YOUR GOAL - Each line of the material holding the word "Plate" must be identified and copied.

--

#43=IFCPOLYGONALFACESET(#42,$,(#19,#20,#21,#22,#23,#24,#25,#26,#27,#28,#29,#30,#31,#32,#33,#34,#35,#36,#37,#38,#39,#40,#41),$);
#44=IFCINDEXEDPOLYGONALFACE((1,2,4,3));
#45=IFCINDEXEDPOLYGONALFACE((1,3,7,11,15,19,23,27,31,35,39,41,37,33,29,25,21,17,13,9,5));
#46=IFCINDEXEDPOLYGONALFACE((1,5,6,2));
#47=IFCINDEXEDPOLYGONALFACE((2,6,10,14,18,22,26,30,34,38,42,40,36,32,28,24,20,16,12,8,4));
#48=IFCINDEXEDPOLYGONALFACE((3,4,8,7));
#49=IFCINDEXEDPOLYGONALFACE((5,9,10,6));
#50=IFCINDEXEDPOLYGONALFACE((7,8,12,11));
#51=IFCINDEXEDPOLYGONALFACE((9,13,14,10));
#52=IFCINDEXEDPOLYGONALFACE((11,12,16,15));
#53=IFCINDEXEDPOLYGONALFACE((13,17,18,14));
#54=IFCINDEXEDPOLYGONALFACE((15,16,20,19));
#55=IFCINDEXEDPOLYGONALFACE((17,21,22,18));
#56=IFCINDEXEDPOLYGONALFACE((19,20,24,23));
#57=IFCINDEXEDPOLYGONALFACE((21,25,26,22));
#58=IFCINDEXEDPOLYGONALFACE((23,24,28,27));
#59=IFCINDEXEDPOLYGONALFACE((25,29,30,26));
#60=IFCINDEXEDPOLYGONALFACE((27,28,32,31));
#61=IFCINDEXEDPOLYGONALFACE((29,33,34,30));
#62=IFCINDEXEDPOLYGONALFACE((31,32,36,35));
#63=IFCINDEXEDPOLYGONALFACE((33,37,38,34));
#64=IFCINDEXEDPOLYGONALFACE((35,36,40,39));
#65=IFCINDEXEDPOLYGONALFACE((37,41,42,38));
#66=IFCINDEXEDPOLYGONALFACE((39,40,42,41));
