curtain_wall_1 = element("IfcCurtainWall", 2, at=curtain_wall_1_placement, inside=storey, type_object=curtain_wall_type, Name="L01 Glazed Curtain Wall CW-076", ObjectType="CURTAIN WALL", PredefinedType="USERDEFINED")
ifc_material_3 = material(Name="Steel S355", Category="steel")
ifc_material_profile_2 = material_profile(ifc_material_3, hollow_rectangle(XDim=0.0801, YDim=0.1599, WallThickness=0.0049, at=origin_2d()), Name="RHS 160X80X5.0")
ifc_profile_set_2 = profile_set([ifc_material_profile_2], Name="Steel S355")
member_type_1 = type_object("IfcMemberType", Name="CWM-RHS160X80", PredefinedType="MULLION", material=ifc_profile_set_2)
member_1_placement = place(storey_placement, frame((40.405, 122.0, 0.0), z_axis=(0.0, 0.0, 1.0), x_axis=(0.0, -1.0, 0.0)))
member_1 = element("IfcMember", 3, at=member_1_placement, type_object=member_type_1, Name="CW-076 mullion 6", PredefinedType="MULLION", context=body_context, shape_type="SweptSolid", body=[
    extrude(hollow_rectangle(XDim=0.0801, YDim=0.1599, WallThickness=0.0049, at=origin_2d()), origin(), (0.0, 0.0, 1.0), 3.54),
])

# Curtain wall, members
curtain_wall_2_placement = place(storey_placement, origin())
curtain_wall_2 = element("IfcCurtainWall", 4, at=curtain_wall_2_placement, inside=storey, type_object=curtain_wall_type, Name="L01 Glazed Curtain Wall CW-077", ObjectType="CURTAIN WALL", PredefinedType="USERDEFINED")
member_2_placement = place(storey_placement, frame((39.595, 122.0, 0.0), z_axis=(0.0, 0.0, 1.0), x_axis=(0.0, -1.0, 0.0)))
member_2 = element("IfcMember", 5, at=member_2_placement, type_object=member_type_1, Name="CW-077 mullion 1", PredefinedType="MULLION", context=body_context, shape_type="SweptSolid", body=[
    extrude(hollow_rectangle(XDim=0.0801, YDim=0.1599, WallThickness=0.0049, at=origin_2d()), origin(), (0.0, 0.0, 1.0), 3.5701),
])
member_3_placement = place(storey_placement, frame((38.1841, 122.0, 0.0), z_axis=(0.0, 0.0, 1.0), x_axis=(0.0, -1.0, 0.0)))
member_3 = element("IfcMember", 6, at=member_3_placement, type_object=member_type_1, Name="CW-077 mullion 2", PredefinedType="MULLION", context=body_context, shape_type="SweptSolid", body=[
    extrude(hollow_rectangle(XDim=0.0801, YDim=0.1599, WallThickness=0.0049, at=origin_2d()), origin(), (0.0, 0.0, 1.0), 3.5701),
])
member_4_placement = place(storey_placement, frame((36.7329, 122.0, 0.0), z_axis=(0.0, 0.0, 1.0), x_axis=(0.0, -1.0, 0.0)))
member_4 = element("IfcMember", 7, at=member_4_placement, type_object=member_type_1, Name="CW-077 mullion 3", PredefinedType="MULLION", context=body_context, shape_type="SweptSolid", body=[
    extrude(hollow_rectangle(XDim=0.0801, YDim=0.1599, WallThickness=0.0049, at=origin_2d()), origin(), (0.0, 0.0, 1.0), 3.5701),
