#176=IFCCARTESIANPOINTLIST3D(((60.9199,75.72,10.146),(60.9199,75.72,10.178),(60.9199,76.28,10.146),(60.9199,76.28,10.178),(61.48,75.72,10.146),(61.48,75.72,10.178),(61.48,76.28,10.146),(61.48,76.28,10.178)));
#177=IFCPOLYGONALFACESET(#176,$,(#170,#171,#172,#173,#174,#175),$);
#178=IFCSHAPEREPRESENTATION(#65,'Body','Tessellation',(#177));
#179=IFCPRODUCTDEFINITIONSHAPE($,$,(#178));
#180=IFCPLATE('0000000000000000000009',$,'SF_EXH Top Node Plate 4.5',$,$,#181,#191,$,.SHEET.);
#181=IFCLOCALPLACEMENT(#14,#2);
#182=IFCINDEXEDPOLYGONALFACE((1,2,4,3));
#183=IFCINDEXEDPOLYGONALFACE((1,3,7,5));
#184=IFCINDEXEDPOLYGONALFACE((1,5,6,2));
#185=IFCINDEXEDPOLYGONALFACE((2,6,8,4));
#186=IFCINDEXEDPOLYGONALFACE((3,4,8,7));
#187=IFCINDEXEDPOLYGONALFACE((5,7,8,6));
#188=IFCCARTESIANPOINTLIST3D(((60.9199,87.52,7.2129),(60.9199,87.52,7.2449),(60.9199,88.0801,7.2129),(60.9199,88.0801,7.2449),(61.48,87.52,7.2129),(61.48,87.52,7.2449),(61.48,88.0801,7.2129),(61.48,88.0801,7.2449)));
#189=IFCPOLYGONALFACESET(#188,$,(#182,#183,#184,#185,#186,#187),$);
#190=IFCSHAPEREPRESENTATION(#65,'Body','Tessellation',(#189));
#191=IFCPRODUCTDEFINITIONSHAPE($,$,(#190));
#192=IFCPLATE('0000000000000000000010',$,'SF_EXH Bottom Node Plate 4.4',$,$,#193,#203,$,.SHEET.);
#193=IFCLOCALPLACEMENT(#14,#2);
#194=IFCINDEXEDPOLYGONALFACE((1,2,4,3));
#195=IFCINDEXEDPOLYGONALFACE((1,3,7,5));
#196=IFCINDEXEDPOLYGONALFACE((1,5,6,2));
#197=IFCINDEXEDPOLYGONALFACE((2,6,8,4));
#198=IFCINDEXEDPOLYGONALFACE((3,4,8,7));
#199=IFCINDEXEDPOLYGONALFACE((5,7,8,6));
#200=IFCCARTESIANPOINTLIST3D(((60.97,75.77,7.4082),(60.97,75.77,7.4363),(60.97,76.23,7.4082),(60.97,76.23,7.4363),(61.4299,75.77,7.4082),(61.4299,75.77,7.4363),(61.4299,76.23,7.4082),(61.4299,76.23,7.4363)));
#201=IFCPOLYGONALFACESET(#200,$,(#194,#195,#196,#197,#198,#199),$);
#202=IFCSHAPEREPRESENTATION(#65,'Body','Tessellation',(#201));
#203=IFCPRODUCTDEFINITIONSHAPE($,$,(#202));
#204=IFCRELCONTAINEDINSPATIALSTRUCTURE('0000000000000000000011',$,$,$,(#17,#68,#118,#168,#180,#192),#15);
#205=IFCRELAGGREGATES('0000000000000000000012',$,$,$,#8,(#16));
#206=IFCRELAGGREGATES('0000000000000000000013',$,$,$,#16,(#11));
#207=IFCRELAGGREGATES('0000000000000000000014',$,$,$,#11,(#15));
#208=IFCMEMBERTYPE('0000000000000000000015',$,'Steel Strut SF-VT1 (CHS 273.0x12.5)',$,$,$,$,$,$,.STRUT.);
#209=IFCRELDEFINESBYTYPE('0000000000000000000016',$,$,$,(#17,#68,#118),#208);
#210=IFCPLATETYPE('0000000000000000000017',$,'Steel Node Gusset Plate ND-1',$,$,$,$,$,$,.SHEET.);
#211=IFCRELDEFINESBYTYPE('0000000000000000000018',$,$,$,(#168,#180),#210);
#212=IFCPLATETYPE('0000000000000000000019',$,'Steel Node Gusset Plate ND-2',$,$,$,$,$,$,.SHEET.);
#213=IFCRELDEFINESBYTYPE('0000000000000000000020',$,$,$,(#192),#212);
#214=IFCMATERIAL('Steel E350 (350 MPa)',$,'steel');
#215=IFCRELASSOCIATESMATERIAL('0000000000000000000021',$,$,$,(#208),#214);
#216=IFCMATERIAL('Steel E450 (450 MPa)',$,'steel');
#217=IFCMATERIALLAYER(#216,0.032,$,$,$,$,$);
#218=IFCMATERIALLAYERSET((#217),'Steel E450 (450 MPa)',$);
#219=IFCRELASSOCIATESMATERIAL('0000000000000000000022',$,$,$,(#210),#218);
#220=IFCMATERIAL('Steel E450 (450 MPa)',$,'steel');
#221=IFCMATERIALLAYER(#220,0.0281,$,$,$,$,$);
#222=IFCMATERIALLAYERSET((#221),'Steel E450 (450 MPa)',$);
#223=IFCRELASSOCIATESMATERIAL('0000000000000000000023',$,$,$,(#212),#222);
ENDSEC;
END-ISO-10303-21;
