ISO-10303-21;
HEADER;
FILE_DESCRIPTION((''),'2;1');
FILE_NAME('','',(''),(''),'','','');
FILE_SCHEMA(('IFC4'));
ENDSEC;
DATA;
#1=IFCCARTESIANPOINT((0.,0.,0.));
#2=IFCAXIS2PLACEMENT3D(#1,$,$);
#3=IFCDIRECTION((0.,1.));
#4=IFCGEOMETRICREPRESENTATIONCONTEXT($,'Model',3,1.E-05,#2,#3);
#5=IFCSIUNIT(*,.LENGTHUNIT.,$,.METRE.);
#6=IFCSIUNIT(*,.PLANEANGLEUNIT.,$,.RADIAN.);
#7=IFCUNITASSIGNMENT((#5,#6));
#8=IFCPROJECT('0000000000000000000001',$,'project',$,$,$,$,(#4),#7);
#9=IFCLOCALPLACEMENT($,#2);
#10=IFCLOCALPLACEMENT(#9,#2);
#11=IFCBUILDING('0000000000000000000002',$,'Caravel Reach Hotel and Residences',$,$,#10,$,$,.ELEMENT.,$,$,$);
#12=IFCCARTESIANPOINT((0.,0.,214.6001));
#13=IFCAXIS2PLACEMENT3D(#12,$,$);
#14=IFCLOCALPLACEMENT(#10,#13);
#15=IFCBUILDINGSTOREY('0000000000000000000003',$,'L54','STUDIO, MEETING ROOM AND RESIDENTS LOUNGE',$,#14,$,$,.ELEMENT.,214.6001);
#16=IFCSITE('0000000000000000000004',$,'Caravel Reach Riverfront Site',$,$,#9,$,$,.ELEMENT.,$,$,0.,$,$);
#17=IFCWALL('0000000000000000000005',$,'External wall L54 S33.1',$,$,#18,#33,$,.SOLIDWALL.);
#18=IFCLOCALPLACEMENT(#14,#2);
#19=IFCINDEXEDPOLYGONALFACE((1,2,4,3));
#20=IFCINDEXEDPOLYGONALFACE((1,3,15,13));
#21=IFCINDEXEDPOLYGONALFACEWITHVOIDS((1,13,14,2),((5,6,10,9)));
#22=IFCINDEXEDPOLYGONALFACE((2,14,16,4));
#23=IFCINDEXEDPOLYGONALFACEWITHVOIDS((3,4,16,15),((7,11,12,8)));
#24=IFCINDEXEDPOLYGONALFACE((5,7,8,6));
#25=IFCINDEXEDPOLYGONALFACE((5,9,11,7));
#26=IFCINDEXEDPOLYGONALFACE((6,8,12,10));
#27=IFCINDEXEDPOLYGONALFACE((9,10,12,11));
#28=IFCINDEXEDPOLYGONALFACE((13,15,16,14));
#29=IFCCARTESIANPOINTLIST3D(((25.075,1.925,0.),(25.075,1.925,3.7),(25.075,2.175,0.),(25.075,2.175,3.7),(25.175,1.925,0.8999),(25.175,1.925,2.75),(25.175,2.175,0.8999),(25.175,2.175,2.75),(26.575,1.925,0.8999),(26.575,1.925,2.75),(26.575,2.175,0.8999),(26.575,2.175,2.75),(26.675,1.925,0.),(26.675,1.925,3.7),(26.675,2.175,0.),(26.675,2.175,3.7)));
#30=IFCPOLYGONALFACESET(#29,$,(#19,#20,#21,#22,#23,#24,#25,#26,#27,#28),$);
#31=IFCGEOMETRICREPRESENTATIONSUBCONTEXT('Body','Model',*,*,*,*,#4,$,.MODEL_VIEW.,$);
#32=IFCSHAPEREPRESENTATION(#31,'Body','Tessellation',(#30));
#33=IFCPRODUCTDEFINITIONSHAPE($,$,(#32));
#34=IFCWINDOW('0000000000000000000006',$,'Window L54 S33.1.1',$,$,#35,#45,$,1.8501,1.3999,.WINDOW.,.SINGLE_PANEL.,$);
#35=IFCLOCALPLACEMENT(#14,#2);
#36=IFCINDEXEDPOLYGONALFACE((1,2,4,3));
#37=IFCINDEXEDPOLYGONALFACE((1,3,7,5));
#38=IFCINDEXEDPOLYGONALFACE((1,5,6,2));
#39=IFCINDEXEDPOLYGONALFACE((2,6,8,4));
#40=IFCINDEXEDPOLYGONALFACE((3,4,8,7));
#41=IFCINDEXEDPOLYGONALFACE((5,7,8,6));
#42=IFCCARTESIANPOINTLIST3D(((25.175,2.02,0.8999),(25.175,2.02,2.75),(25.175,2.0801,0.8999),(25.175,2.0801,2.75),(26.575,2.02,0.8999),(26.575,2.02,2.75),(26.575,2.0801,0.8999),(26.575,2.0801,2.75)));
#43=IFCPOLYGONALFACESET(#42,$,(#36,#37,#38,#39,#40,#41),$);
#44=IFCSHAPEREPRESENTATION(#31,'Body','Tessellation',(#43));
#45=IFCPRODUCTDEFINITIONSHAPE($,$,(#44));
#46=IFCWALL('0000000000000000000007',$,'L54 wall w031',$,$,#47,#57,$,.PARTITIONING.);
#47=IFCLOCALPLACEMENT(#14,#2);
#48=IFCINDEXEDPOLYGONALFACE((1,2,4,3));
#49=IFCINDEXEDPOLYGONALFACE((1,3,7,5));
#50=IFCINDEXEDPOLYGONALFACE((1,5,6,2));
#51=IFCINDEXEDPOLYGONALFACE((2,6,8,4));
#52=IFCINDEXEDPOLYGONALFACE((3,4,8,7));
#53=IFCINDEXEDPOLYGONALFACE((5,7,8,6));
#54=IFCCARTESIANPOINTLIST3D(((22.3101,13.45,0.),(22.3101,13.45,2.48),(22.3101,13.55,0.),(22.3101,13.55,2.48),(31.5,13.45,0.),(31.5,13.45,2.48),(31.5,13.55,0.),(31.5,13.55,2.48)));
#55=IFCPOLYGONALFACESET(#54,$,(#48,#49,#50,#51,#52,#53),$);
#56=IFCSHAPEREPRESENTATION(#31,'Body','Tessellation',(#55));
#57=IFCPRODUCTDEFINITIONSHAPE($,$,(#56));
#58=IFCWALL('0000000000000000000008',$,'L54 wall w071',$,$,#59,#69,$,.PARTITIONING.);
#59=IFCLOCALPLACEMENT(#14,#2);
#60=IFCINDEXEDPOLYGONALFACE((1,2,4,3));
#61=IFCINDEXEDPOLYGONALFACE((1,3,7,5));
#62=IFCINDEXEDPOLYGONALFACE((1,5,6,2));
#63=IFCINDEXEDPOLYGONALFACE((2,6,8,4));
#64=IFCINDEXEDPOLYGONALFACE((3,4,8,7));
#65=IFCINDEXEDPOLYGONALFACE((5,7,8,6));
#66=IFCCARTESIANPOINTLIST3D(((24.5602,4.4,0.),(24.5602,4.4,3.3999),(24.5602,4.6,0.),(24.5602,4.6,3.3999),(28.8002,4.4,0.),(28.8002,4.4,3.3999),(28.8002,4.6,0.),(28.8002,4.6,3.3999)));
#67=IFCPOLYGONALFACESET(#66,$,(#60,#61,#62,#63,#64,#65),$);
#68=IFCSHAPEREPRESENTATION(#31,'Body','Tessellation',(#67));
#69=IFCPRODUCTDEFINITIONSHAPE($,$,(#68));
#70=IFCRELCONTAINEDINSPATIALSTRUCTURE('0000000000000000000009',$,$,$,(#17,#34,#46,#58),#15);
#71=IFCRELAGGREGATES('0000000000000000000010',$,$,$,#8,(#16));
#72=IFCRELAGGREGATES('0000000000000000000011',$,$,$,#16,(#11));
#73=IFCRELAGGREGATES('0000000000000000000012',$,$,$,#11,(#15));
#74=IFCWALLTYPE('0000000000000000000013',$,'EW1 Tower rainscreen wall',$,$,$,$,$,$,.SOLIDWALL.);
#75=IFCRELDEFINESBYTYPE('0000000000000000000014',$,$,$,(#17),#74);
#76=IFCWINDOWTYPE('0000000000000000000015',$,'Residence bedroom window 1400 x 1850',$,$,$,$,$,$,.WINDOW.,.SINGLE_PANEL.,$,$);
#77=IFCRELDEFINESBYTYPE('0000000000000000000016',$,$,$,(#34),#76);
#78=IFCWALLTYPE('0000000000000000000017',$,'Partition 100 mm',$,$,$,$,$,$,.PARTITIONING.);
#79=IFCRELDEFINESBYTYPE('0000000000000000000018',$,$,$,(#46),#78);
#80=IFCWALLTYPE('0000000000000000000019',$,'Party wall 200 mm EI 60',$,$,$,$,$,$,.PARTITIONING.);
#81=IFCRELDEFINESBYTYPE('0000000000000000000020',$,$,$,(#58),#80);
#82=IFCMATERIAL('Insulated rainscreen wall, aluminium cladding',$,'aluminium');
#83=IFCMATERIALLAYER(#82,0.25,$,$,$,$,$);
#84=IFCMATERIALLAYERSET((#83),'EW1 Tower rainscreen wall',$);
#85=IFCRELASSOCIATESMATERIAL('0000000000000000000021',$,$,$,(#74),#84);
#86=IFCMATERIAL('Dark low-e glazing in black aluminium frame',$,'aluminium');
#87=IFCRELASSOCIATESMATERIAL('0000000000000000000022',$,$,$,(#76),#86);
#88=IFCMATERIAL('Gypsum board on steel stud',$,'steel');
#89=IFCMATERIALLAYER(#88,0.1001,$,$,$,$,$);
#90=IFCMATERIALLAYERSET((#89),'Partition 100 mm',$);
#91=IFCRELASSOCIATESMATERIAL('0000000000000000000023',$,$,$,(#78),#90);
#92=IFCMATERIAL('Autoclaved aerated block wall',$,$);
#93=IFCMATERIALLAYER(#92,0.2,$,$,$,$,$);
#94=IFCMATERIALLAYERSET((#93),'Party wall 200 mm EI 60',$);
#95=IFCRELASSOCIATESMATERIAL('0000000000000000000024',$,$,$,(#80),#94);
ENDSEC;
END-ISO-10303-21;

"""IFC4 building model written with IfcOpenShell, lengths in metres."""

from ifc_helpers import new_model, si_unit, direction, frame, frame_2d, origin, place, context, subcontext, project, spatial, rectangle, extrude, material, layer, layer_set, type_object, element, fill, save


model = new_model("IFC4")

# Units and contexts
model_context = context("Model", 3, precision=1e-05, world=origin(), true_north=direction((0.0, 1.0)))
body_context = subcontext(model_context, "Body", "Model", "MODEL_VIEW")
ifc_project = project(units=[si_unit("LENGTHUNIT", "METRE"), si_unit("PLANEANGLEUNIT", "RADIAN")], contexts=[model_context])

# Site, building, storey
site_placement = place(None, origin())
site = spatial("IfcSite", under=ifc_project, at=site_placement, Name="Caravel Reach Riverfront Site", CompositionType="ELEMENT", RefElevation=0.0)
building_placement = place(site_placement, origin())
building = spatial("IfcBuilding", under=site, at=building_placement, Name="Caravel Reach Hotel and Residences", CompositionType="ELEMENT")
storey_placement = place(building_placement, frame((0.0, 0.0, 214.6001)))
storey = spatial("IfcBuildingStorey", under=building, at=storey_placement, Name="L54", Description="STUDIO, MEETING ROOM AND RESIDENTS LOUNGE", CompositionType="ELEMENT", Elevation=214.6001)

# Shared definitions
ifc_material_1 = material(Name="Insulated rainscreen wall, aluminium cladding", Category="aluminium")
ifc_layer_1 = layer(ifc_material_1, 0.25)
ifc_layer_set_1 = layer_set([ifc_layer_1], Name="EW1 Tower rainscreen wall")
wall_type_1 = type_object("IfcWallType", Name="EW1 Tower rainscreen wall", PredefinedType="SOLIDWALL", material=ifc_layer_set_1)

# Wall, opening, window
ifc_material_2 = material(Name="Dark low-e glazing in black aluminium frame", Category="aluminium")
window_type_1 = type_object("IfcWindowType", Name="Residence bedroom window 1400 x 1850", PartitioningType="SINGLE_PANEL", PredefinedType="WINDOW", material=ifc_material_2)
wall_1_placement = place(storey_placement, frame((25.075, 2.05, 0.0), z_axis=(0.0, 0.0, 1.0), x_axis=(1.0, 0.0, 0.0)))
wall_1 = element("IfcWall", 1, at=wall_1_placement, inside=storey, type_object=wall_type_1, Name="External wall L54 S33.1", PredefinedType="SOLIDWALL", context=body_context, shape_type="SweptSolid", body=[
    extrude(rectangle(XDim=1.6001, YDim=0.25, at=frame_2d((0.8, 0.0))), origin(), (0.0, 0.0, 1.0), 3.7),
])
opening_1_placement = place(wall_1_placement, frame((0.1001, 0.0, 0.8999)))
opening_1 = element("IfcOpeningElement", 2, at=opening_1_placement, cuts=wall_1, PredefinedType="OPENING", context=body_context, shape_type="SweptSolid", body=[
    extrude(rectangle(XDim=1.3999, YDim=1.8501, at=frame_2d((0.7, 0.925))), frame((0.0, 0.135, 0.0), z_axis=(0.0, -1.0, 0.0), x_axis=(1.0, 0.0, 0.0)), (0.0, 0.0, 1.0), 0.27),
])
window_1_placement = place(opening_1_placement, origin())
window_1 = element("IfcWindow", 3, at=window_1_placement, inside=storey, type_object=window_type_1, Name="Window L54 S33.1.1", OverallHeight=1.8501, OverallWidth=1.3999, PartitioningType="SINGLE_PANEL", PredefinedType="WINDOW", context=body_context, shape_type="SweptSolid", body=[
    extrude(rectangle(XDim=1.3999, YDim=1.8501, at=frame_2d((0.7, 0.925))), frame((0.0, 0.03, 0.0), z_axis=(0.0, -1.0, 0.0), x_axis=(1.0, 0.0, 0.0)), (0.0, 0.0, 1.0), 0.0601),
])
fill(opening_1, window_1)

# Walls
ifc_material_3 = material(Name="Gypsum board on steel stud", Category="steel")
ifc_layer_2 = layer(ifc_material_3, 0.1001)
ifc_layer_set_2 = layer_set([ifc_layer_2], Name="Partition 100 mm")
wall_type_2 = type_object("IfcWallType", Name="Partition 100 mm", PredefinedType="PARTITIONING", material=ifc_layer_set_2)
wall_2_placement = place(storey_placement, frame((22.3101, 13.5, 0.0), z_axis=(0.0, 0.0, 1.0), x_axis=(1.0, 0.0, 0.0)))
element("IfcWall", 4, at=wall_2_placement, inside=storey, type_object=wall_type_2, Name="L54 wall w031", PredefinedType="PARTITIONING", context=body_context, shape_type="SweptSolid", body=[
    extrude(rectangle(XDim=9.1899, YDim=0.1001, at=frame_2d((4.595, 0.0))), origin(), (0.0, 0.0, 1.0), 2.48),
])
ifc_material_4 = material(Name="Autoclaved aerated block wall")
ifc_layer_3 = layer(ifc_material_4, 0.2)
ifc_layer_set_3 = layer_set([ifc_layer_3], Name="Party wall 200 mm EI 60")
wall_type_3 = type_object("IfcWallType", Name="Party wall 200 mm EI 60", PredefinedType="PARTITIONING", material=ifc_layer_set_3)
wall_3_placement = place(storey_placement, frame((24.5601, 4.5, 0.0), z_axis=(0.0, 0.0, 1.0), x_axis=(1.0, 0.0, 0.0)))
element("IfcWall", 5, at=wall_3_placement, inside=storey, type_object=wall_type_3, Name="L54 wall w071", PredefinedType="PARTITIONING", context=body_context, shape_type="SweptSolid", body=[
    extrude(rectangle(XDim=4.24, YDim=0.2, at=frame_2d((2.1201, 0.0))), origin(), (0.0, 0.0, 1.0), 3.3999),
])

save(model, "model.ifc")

--

THE COMPLETED TASK -
#180=IFCPLATE('0000000000000000000009',$,'SF_EXH Top Node Plate 4.5',$,$,#181,#191,$,.SHEET.);
#192=IFCPLATE('0000000000000000000010',$,'SF_EXH Bottom Node Plate 4.4',$,$,#193,#203,$,.SHEET.);
#210=IFCPLATETYPE('0000000000000000000017',$,'Steel Node Gusset Plate ND-1',$,$,$,$,$,$,.SHEET.);
#212=IFCPLATETYPE('0000000000000000000019',$,'Steel Node Gusset Plate ND-2',$,$,$,$,$,$,.SHEET.);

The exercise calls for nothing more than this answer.